Try it:
Among the entries below, take the line with "#49=IFCINDEXEDPOLYGONALFACE((5,7,8,6));" and the line with "#85=IFCINDEXEDPOLYGONALFACE((5,7,8,6));", and output them and every line between them exactly, with nothing else.

[Items listed in a dataset]
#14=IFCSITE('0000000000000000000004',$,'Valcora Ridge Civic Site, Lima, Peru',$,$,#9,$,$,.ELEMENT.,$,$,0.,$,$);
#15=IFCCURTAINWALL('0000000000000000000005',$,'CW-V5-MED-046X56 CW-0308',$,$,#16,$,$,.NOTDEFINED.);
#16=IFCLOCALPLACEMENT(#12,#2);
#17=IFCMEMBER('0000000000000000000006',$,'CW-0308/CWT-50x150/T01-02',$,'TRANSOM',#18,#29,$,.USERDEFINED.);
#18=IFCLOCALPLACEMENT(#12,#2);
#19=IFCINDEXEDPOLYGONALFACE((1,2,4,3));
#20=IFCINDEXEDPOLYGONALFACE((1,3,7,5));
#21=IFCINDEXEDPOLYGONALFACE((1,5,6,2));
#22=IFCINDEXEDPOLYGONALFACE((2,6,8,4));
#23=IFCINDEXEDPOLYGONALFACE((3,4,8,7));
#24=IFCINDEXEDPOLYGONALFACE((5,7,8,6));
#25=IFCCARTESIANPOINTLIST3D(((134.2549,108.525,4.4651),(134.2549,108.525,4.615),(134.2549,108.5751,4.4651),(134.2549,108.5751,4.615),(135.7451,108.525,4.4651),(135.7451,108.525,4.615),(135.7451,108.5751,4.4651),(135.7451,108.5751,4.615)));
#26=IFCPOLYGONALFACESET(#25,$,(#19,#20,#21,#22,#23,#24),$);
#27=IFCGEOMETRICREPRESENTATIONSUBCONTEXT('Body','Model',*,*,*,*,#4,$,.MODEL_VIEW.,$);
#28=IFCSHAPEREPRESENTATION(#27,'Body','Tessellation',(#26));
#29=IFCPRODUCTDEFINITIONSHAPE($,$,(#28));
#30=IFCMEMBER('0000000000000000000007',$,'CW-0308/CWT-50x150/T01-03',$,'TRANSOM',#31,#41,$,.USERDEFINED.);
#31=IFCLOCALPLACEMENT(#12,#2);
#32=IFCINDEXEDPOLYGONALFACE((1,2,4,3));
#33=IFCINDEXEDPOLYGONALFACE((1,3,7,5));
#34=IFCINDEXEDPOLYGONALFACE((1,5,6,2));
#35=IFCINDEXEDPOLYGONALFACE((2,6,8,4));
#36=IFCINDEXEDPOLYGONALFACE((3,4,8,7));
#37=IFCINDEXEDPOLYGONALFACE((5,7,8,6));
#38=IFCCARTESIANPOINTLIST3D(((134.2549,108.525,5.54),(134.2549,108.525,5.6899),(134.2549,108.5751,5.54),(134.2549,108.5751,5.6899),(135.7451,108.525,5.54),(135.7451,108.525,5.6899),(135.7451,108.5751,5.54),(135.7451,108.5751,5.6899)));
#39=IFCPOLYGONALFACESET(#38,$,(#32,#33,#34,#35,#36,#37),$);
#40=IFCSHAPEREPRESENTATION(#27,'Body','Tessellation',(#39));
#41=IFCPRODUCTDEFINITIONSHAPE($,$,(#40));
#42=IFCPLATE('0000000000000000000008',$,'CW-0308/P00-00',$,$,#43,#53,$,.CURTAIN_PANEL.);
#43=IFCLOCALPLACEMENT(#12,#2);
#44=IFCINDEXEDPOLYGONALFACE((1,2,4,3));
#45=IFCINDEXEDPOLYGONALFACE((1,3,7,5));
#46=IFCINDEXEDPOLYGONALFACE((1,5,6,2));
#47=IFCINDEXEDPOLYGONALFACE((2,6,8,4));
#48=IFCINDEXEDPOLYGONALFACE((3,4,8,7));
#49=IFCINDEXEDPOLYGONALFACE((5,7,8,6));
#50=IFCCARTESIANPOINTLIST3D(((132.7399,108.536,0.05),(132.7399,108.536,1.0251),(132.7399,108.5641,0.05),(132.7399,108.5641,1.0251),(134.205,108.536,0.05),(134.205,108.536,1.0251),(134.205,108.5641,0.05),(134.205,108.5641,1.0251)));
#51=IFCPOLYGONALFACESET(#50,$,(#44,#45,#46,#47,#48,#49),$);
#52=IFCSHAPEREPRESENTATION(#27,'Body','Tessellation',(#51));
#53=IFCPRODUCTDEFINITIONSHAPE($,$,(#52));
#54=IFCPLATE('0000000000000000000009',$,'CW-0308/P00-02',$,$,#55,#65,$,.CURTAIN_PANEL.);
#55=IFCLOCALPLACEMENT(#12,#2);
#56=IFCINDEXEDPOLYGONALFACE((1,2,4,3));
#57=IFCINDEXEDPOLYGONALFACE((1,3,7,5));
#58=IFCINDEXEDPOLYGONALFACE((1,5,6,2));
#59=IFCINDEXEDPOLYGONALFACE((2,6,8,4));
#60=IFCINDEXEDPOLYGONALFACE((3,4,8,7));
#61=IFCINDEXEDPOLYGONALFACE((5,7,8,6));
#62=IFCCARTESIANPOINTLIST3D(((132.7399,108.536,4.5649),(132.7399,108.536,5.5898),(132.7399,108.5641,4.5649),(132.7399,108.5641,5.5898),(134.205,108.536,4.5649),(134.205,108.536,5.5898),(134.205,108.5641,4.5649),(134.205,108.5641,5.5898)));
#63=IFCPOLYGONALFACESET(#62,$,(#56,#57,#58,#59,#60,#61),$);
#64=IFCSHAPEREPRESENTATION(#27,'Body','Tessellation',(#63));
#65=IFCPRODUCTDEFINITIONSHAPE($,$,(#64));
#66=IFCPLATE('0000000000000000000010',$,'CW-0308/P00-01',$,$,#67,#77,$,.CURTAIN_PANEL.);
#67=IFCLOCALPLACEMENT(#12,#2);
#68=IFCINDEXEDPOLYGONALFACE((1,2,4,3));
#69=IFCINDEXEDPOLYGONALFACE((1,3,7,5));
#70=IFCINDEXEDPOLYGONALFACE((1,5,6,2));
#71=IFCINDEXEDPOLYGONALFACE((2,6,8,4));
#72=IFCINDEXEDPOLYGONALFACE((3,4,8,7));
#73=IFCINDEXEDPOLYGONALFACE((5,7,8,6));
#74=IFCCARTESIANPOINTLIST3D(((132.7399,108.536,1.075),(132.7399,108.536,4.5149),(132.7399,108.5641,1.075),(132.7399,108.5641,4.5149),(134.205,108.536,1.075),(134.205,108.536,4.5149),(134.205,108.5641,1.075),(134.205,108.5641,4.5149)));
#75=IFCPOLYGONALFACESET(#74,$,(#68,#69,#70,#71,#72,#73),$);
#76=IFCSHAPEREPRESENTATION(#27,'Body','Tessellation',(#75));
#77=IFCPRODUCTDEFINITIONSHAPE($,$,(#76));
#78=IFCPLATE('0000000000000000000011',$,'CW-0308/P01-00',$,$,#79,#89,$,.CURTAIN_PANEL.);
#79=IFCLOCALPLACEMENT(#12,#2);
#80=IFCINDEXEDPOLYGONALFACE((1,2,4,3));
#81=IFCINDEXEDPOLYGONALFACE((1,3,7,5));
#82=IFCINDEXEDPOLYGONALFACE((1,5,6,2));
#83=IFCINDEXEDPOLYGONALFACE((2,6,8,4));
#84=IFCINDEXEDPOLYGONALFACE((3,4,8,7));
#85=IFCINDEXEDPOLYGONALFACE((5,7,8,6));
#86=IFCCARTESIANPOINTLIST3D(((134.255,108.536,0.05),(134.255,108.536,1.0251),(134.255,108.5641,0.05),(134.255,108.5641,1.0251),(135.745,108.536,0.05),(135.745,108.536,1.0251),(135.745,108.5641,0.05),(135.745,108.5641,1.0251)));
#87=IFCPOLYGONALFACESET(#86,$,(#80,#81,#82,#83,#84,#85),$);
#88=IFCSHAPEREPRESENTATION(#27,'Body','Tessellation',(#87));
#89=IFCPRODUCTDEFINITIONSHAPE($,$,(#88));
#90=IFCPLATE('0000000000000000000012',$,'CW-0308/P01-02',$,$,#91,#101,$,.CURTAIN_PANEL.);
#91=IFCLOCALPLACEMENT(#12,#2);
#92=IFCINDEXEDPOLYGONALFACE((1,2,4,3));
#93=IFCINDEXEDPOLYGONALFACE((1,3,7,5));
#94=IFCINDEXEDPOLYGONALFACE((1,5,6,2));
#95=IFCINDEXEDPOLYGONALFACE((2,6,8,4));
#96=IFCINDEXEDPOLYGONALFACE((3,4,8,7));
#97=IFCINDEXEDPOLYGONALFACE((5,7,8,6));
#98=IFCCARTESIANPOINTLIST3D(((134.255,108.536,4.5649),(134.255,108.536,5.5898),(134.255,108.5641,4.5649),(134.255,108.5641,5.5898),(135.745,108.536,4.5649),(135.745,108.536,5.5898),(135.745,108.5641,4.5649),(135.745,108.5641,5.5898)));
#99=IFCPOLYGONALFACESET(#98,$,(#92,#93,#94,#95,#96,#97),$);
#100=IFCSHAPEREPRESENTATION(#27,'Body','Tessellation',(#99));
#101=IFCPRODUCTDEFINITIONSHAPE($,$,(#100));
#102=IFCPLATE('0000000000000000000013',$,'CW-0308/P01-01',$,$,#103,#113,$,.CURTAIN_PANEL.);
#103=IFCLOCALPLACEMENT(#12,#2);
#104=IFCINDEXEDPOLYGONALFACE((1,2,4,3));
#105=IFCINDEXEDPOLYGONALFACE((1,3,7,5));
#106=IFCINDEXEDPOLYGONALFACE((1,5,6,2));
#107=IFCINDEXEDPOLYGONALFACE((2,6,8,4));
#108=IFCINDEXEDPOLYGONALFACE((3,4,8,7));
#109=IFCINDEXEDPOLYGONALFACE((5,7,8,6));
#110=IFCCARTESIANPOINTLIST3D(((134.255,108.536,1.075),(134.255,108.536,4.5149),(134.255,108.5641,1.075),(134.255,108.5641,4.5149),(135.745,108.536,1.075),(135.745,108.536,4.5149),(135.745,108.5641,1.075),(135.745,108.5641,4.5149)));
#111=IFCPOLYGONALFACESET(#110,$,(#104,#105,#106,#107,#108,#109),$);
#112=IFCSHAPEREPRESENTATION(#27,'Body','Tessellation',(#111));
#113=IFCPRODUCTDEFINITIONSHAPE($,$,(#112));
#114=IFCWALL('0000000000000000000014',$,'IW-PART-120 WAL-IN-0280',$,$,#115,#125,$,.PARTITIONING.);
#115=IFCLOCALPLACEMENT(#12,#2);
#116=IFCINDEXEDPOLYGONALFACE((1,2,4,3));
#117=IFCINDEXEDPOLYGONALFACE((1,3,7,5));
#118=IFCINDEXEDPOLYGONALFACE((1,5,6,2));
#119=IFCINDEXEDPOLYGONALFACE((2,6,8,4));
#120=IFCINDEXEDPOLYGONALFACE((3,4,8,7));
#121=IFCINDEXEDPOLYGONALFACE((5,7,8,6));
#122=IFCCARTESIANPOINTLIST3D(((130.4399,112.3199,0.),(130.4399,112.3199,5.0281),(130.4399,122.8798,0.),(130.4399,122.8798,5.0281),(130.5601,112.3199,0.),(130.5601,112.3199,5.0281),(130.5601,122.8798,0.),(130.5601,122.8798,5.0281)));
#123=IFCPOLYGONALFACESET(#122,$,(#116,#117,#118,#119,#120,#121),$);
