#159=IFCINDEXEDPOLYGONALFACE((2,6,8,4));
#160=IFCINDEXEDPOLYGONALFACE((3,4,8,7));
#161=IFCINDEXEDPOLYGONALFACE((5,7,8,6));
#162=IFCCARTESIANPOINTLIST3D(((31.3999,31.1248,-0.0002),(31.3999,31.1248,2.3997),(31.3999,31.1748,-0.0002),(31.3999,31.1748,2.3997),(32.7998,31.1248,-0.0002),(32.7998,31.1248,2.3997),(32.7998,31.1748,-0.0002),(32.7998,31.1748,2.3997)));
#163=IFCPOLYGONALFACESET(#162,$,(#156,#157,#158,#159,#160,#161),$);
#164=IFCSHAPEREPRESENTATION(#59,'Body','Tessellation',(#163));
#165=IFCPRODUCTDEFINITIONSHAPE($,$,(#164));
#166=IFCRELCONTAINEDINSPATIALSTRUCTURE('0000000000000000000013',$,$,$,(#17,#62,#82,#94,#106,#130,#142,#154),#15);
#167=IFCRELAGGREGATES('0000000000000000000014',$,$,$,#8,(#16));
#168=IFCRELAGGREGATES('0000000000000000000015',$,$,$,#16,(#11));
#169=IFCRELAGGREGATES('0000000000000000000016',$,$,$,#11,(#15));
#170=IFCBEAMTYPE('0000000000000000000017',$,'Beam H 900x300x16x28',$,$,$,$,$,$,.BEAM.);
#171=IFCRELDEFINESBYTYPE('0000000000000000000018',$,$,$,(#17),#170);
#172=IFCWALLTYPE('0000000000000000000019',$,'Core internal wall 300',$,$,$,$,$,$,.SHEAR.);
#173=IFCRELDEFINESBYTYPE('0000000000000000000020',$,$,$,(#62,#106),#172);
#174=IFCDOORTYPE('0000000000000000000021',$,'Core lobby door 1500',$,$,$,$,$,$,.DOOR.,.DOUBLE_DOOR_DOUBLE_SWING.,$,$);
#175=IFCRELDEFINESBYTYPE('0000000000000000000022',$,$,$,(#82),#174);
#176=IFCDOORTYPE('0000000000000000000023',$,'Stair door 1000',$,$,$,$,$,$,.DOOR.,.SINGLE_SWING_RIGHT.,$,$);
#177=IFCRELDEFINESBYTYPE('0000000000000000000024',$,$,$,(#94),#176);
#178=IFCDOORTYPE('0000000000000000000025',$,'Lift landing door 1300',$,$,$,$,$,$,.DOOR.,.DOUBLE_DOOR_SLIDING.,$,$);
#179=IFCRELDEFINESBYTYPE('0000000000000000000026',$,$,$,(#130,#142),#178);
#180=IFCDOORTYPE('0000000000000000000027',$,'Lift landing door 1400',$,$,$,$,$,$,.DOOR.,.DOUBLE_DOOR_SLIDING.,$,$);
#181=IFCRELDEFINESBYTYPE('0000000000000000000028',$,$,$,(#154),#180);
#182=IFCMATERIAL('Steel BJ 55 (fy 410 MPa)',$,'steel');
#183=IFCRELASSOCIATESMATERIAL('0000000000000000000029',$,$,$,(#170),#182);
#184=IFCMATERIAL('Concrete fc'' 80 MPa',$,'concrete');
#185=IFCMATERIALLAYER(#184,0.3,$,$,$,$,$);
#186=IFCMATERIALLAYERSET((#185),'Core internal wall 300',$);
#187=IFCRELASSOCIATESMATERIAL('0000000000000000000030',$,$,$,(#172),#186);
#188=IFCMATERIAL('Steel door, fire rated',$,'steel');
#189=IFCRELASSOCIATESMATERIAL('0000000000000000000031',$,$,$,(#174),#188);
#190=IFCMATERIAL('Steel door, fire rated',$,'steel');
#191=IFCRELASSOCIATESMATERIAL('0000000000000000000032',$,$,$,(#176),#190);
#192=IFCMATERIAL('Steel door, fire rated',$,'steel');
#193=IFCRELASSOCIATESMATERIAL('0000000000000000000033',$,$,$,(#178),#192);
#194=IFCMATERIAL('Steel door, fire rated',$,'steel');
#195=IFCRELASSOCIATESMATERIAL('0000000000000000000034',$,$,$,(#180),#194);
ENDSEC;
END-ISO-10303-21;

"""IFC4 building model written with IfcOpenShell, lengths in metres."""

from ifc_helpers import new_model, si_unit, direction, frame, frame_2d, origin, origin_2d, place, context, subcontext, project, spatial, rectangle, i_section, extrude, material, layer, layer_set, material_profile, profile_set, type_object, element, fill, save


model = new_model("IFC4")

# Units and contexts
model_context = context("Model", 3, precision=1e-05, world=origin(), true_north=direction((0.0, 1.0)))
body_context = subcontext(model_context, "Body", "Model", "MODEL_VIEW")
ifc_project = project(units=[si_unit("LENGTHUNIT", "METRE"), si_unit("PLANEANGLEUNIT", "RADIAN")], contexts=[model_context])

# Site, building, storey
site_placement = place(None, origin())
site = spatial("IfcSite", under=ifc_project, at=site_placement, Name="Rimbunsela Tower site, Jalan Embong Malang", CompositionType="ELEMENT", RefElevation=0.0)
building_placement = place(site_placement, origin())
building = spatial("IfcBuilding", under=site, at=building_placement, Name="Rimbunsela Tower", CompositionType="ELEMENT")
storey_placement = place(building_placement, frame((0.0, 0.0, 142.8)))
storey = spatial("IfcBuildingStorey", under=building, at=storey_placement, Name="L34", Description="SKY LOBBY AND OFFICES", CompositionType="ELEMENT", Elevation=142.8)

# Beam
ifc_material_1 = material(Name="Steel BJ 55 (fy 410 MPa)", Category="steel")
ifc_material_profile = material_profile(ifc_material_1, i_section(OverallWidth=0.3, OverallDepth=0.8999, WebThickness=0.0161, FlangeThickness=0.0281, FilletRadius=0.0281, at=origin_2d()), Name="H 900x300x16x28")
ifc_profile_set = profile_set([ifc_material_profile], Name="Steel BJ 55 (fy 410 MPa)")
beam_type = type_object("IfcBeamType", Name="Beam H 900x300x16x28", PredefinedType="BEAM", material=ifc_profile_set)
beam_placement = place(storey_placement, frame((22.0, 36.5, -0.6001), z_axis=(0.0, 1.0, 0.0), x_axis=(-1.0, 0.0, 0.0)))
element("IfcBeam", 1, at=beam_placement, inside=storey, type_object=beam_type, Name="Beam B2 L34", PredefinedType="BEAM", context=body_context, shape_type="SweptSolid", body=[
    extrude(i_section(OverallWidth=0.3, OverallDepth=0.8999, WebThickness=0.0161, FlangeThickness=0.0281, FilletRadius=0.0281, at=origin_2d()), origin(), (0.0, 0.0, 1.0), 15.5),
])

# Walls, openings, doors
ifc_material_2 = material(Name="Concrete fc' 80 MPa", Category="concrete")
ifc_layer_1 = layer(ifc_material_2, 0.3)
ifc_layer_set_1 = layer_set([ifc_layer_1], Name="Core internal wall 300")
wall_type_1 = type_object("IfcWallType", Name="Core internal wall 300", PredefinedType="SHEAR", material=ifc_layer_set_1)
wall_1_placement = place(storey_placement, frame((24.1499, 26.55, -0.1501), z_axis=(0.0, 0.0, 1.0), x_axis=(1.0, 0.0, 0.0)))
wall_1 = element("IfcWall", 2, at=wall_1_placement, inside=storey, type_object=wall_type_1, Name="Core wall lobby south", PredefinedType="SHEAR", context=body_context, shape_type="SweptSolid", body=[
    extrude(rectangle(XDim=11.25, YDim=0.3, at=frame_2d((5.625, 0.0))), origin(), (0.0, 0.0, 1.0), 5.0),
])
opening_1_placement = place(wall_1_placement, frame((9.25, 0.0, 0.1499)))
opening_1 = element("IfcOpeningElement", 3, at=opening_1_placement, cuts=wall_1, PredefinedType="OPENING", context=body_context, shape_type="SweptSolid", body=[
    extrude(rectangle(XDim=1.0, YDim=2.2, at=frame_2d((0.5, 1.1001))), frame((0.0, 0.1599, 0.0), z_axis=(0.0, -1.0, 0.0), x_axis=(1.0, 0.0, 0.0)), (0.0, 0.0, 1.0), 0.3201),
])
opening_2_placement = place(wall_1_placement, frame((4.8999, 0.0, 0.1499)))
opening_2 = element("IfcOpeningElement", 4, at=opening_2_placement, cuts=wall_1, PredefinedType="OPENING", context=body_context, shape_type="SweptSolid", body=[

Solution to this exercise:
#49=IFCINDEXEDPOLYGONALFACE((5,7,8,6));
#50=IFCCARTESIANPOINTLIST3D(((132.7399,108.536,0.05),(132.7399,108.536,1.0251),(132.7399,108.5641,0.05),(132.7399,108.5641,1.0251),(134.205,108.536,0.05),(134.205,108.536,1.0251),(134.205,108.5641,0.05),(134.205,108.5641,1.0251)));
#51=IFCPOLYGONALFACESET(#50,$,(#44,#45,#46,#47,#48,#49),$);
#52=IFCSHAPEREPRESENTATION(#27,'Body','Tessellation',(#51));
#53=IFCPRODUCTDEFINITIONSHAPE($,$,(#52));
#54=IFCPLATE('0000000000000000000009',$,'CW-0308/P00-02',$,$,#55,#65,$,.CURTAIN_PANEL.);
#55=IFCLOCALPLACEMENT(#12,#2);
#56=IFCINDEXEDPOLYGONALFACE((1,2,4,3));
#57=IFCINDEXEDPOLYGONALFACE((1,3,7,5));
#58=IFCINDEXEDPOLYGONALFACE((1,5,6,2));
#59=IFCINDEXEDPOLYGONALFACE((2,6,8,4));
#60=IFCINDEXEDPOLYGONALFACE((3,4,8,7));
#61=IFCINDEXEDPOLYGONALFACE((5,7,8,6));
#62=IFCCARTESIANPOINTLIST3D(((132.7399,108.536,4.5649),(132.7399,108.536,5.5898),(132.7399,108.5641,4.5649),(132.7399,108.5641,5.5898),(134.205,108.536,4.5649),(134.205,108.536,5.5898),(134.205,108.5641,4.5649),(134.205,108.5641,5.5898)));
#63=IFCPOLYGONALFACESET(#62,$,(#56,#57,#58,#59,#60,#61),$);
#64=IFCSHAPEREPRESENTATION(#27,'Body','Tessellation',(#63));
#65=IFCPRODUCTDEFINITIONSHAPE($,$,(#64));
#66=IFCPLATE('0000000000000000000010',$,'CW-0308/P00-01',$,$,#67,#77,$,.CURTAIN_PANEL.);
#67=IFCLOCALPLACEMENT(#12,#2);
#68=IFCINDEXEDPOLYGONALFACE((1,2,4,3));
#69=IFCINDEXEDPOLYGONALFACE((1,3,7,5));
#70=IFCINDEXEDPOLYGONALFACE((1,5,6,2));
#71=IFCINDEXEDPOLYGONALFACE((2,6,8,4));
#72=IFCINDEXEDPOLYGONALFACE((3,4,8,7));
#73=IFCINDEXEDPOLYGONALFACE((5,7,8,6));
#74=IFCCARTESIANPOINTLIST3D(((132.7399,108.536,1.075),(132.7399,108.536,4.5149),(132.7399,108.5641,1.075),(132.7399,108.5641,4.5149),(134.205,108.536,1.075),(134.205,108.536,4.5149),(134.205,108.5641,1.075),(134.205,108.5641,4.5149)));
#75=IFCPOLYGONALFACESET(#74,$,(#68,#69,#70,#71,#72,#73),$);
#76=IFCSHAPEREPRESENTATION(#27,'Body','Tessellation',(#75));
#77=IFCPRODUCTDEFINITIONSHAPE($,$,(#76));
#78=IFCPLATE('0000000000000000000011',$,'CW-0308/P01-00',$,$,#79,#89,$,.CURTAIN_PANEL.);
#79=IFCLOCALPLACEMENT(#12,#2);
#80=IFCINDEXEDPOLYGONALFACE((1,2,4,3));
#81=IFCINDEXEDPOLYGONALFACE((1,3,7,5));
#82=IFCINDEXEDPOLYGONALFACE((1,5,6,2));
#83=IFCINDEXEDPOLYGONALFACE((2,6,8,4));
#84=IFCINDEXEDPOLYGONALFACE((3,4,8,7));
#85=IFCINDEXEDPOLYGONALFACE((5,7,8,6));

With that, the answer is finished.